▸ WHAT IS NEEDED
Take every line in the entries that includes the word "IFCRELDEFINESBYTYPE" and copy it.

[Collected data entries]
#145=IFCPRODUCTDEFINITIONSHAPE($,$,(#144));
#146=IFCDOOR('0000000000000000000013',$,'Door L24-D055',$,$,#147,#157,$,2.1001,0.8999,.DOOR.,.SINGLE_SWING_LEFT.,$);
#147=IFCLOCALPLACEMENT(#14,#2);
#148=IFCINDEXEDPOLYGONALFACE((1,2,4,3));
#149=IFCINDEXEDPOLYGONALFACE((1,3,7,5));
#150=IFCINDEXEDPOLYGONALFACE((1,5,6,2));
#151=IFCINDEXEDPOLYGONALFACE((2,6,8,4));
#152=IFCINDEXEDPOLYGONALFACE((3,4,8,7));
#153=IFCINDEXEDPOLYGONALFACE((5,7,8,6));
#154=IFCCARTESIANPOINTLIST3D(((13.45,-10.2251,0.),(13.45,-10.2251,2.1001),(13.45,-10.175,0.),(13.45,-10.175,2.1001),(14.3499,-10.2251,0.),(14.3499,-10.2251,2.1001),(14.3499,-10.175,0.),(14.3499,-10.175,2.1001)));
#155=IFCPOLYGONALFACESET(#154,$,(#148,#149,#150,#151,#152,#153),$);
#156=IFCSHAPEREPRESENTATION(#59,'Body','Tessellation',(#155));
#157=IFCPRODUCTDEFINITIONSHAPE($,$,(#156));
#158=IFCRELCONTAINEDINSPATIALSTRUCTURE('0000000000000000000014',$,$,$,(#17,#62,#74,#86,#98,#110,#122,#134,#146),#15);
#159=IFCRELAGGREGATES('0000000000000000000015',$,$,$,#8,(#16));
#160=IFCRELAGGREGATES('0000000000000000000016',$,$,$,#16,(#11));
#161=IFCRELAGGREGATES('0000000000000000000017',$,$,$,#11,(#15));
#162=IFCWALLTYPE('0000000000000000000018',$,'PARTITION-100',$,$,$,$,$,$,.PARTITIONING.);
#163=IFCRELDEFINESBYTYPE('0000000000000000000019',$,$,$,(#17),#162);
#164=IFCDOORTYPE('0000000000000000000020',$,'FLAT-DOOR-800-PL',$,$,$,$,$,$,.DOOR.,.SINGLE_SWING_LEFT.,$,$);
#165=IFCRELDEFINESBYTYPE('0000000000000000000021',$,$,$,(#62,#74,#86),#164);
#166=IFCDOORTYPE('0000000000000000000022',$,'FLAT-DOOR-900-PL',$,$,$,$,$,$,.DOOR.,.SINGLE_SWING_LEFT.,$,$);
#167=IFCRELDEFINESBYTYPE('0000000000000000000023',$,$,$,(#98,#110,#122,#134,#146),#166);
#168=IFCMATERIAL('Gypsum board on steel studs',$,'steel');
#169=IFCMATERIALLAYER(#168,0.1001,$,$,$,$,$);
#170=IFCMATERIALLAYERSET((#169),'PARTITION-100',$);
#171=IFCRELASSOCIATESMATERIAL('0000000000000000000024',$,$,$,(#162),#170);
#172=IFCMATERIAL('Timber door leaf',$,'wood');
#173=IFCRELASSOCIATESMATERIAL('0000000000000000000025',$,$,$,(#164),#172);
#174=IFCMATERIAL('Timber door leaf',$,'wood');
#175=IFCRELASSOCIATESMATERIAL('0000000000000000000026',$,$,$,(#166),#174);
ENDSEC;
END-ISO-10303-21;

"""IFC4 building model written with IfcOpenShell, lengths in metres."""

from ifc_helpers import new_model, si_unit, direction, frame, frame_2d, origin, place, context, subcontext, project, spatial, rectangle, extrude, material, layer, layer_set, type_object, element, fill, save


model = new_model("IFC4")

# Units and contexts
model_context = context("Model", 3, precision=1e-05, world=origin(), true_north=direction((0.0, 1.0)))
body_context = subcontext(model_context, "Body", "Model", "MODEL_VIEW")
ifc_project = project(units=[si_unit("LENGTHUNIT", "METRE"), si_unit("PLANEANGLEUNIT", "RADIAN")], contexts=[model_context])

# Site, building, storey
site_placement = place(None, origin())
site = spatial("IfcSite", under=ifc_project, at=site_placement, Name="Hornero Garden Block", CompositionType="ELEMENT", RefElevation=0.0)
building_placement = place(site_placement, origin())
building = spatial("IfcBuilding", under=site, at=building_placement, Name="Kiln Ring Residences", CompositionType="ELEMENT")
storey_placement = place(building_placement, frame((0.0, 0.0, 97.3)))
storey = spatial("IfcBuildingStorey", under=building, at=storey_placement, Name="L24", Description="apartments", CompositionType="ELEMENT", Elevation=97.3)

▸ EXPECTED ANSWER
#163=IFCRELDEFINESBYTYPE('0000000000000000000019',$,$,$,(#17),#162);
#165=IFCRELDEFINESBYTYPE('0000000000000000000021',$,$,$,(#62,#74,#86),#164);
#167=IFCRELDEFINESBYTYPE('0000000000000000000023',$,$,$,(#98,#110,#122,#134,#146),#166);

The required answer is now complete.